* **RECORDS SUPPLIED**:
* * * *

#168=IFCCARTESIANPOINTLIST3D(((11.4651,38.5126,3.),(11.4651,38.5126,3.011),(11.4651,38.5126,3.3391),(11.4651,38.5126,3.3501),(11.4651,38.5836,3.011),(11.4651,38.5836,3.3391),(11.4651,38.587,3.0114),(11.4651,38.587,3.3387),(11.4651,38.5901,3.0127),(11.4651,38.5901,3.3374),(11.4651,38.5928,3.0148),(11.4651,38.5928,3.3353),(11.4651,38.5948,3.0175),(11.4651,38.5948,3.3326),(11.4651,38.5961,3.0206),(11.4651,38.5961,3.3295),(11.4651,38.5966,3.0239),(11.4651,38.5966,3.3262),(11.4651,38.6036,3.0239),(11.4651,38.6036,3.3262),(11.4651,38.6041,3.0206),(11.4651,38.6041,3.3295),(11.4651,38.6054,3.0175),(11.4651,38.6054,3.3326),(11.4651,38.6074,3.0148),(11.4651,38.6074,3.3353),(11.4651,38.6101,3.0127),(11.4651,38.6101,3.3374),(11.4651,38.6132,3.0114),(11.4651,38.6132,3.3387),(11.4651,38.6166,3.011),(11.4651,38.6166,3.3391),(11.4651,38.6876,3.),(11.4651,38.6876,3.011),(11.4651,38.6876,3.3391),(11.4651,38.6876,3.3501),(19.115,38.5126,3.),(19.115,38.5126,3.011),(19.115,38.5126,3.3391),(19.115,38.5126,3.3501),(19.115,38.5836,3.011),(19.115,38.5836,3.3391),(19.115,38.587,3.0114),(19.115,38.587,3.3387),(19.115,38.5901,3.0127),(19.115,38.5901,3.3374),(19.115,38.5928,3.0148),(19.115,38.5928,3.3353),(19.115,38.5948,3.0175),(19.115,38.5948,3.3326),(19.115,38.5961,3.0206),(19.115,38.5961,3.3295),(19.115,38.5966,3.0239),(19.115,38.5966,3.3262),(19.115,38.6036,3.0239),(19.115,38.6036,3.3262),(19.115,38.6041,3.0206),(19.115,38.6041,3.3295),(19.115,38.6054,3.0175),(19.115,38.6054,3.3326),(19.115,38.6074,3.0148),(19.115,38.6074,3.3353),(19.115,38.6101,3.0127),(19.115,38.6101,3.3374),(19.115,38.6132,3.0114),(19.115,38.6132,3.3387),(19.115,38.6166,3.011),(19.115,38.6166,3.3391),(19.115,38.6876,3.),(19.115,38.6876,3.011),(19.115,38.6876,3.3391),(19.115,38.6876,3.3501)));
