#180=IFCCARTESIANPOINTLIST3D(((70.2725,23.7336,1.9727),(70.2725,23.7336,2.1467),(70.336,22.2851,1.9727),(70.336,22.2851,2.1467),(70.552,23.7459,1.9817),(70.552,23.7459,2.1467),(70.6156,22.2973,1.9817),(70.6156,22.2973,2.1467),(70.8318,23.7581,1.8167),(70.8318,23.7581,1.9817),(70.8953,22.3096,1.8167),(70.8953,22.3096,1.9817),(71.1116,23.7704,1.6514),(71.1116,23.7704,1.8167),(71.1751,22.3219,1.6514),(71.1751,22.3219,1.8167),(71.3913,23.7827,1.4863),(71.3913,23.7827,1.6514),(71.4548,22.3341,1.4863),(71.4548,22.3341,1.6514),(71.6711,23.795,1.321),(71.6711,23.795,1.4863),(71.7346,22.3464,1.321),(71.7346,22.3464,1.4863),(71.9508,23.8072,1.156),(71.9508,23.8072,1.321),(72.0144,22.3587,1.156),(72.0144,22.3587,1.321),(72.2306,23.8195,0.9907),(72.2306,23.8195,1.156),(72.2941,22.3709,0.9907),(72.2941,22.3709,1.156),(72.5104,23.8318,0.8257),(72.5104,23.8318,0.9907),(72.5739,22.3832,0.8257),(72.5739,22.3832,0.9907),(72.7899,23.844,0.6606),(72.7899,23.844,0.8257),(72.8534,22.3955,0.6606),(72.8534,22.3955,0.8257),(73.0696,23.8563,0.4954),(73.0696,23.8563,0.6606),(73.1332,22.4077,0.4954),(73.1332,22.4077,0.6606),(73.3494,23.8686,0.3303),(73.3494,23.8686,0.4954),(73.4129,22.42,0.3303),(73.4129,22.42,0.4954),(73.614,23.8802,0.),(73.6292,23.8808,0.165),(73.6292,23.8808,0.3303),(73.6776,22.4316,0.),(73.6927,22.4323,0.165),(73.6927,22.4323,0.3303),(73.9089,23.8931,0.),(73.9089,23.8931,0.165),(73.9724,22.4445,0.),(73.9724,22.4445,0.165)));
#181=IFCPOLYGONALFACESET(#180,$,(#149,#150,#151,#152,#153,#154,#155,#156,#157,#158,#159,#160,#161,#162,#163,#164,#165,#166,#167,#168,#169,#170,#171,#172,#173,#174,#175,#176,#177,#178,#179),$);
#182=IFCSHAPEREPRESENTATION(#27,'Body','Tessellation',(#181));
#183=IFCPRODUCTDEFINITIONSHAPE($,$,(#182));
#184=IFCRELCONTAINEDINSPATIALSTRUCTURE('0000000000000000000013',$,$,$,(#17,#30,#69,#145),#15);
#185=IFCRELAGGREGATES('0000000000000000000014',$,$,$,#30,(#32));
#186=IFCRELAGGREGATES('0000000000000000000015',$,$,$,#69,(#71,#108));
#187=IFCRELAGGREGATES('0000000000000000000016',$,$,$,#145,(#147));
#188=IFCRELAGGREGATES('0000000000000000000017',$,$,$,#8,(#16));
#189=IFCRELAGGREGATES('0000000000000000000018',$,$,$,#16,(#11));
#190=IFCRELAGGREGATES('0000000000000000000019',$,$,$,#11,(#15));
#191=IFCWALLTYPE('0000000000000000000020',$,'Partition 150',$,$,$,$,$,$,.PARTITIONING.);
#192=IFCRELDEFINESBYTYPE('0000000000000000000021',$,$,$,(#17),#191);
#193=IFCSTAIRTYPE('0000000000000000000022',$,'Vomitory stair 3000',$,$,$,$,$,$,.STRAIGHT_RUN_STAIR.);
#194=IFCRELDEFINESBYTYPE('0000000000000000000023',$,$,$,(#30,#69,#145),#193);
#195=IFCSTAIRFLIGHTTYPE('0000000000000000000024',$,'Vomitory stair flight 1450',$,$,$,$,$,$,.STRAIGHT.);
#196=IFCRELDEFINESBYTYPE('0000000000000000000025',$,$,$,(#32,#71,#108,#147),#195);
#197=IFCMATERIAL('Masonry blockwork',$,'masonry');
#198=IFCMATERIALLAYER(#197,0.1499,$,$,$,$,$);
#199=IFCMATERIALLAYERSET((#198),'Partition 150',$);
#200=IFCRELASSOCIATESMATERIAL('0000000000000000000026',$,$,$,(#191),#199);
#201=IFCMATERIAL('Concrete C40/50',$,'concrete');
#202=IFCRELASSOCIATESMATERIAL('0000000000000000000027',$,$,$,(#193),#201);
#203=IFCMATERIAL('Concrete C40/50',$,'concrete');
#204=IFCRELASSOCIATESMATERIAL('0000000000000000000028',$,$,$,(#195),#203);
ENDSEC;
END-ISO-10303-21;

* * * *

* **YOUR TASK**: A faithful copy of every record is required; output it in full.

* **OUTPUT FOR THIS TASK**:
#168=IFCCARTESIANPOINTLIST3D(((11.4651,38.5126,3.),(11.4651,38.5126,3.011),(11.4651,38.5126,3.3391),(11.4651,38.5126,3.3501),(11.4651,38.5836,3.011),(11.4651,38.5836,3.3391),(11.4651,38.587,3.0114),(11.4651,38.587,3.3387),(11.4651,38.5901,3.0127),(11.4651,38.5901,3.3374),(11.4651,38.5928,3.0148),(11.4651,38.5928,3.3353),(11.4651,38.5948,3.0175),(11.4651,38.5948,3.3326),(11.4651,38.5961,3.0206),(11.4651,38.5961,3.3295),(11.4651,38.5966,3.0239),(11.4651,38.5966,3.3262),(11.4651,38.6036,3.0239),(11.4651,38.6036,3.3262),(11.4651,38.6041,3.0206),(11.4651,38.6041,3.3295),(11.4651,38.6054,3.0175),(11.4651,38.6054,3.3326),(11.4651,38.6074,3.0148),(11.4651,38.6074,3.3353),(11.4651,38.6101,3.0127),(11.4651,38.6101,3.3374),(11.4651,38.6132,3.0114),(11.4651,38.6132,3.3387),(11.4651,38.6166,3.011),(11.4651,38.6166,3.3391),(11.4651,38.6876,3.),(11.4651,38.6876,3.011),(11.4651,38.6876,3.3391),(11.4651,38.6876,3.3501),(19.115,38.5126,3.),(19.115,38.5126,3.011),(19.115,38.5126,3.3391),(19.115,38.5126,3.3501),(19.115,38.5836,3.011),(19.115,38.5836,3.3391),(19.115,38.587,3.0114),(19.115,38.587,3.3387),(19.115,38.5901,3.0127),(19.115,38.5901,3.3374),(19.115,38.5928,3.0148),(19.115,38.5928,3.3353),(19.115,38.5948,3.0175),(19.115,38.5948,3.3326),(19.115,38.5961,3.0206),(19.115,38.5961,3.3295),(19.115,38.5966,3.0239),(19.115,38.5966,3.3262),(19.115,38.6036,3.0239),(19.115,38.6036,3.3262),(19.115,38.6041,3.0206),(19.115,38.6041,3.3295),(19.115,38.6054,3.0175),(19.115,38.6054,3.3326),(19.115,38.6074,3.0148),(19.115,38.6074,3.3353),(19.115,38.6101,3.0127),(19.115,38.6101,3.3374),(19.115,38.6132,3.0114),(19.115,38.6132,3.3387),(19.115,38.6166,3.011),(19.115,38.6166,3.3391),(19.115,38.6876,3.),(19.115,38.6876,3.011),(19.115,38.6876,3.3391),(19.115,38.6876,3.3501)));
#180=IFCCARTESIANPOINTLIST3D(((70.2725,23.7336,1.9727),(70.2725,23.7336,2.1467),(70.336,22.2851,1.9727),(70.336,22.2851,2.1467),(70.552,23.7459,1.9817),(70.552,23.7459,2.1467),(70.6156,22.2973,1.9817),(70.6156,22.2973,2.1467),(70.8318,23.7581,1.8167),(70.8318,23.7581,1.9817),(70.8953,22.3096,1.8167),(70.8953,22.3096,1.9817),(71.1116,23.7704,1.6514),(71.1116,23.7704,1.8167),(71.1751,22.3219,1.6514),(71.1751,22.3219,1.8167),(71.3913,23.7827,1.4863),(71.3913,23.7827,1.6514),(71.4548,22.3341,1.4863),(71.4548,22.3341,1.6514),(71.6711,23.795,1.321),(71.6711,23.795,1.4863),(71.7346,22.3464,1.321),(71.7346,22.3464,1.4863),(71.9508,23.8072,1.156),(71.9508,23.8072,1.321),(72.0144,22.3587,1.156),(72.0144,22.3587,1.321),(72.2306,23.8195,0.9907),(72.2306,23.8195,1.156),(72.2941,22.3709,0.9907),(72.2941,22.3709,1.156),(72.5104,23.8318,0.8257),(72.5104,23.8318,0.9907),(72.5739,22.3832,0.8257),(72.5739,22.3832,0.9907),(72.7899,23.844,0.6606),(72.7899,23.844,0.8257),(72.8534,22.3955,0.6606),(72.8534,22.3955,0.8257),(73.0696,23.8563,0.4954),(73.0696,23.8563,0.6606),(73.1332,22.4077,0.4954),(73.1332,22.4077,0.6606),(73.3494,23.8686,0.3303),(73.3494,23.8686,0.4954),(73.4129,22.42,0.3303),(73.4129,22.42,0.4954),(73.614,23.8802,0.),(73.6292,23.8808,0.165),(73.6292,23.8808,0.3303),(73.6776,22.4316,0.),(73.6927,22.4323,0.165),(73.6927,22.4323,0.3303),(73.9089,23.8931,0.),(73.9089,23.8931,0.165),(73.9724,22.4445,0.),(73.9724,22.4445,0.165)));
#181=IFCPOLYGONALFACESET(#180,$,(#149,#150,#151,#152,#153,#154,#155,#156,#157,#158,#159,#160,#161,#162,#163,#164,#165,#166,#167,#168,#169,#170,#171,#172,#173,#174,#175,#176,#177,#178,#179),$);
#182=IFCSHAPEREPRESENTATION(#27,'Body','Tessellation',(#181));
#183=IFCPRODUCTDEFINITIONSHAPE($,$,(#182));
#184=IFCRELCONTAINEDINSPATIALSTRUCTURE('0000000000000000000013',$,$,$,(#17,#30,#69,#145),#15);
#185=IFCRELAGGREGATES('0000000000000000000014',$,$,$,#30,(#32));
#186=IFCRELAGGREGATES('0000000000000000000015',$,$,$,#69,(#71,#108));
#187=IFCRELAGGREGATES('0000000000000000000016',$,$,$,#145,(#147));
#188=IFCRELAGGREGATES('0000000000000000000017',$,$,$,#8,(#16));
#189=IFCRELAGGREGATES('0000000000000000000018',$,$,$,#16,(#11));
#190=IFCRELAGGREGATES('0000000000000000000019',$,$,$,#11,(#15));
#191=IFCWALLTYPE('0000000000000000000020',$,'Partition 150',$,$,$,$,$,$,.PARTITIONING.);
#192=IFCRELDEFINESBYTYPE('0000000000000000000021',$,$,$,(#17),#191);
#193=IFCSTAIRTYPE('0000000000000000000022',$,'Vomitory stair 3000',$,$,$,$,$,$,.STRAIGHT_RUN_STAIR.);
#194=IFCRELDEFINESBYTYPE('0000000000000000000023',$,$,$,(#30,#69,#145),#193);
#195=IFCSTAIRFLIGHTTYPE('0000000000000000000024',$,'Vomitory stair flight 1450',$,$,$,$,$,$,.STRAIGHT.);
#196=IFCRELDEFINESBYTYPE('0000000000000000000025',$,$,$,(#32,#71,#108,#147),#195);
#197=IFCMATERIAL('Masonry blockwork',$,'masonry');
#198=IFCMATERIALLAYER(#197,0.1499,$,$,$,$,$);
#199=IFCMATERIALLAYERSET((#198),'Partition 150',$);
#200=IFCRELASSOCIATESMATERIAL('0000000000000000000026',$,$,$,(#191),#199);
#201=IFCMATERIAL('Concrete C40/50',$,'concrete');
#202=IFCRELASSOCIATESMATERIAL('0000000000000000000027',$,$,$,(#193),#201);
#203=IFCMATERIAL('Concrete C40/50',$,'concrete');
#204=IFCRELASSOCIATESMATERIAL('0000000000000000000028',$,$,$,(#195),#203);
ENDSEC;
END-ISO-10303-21;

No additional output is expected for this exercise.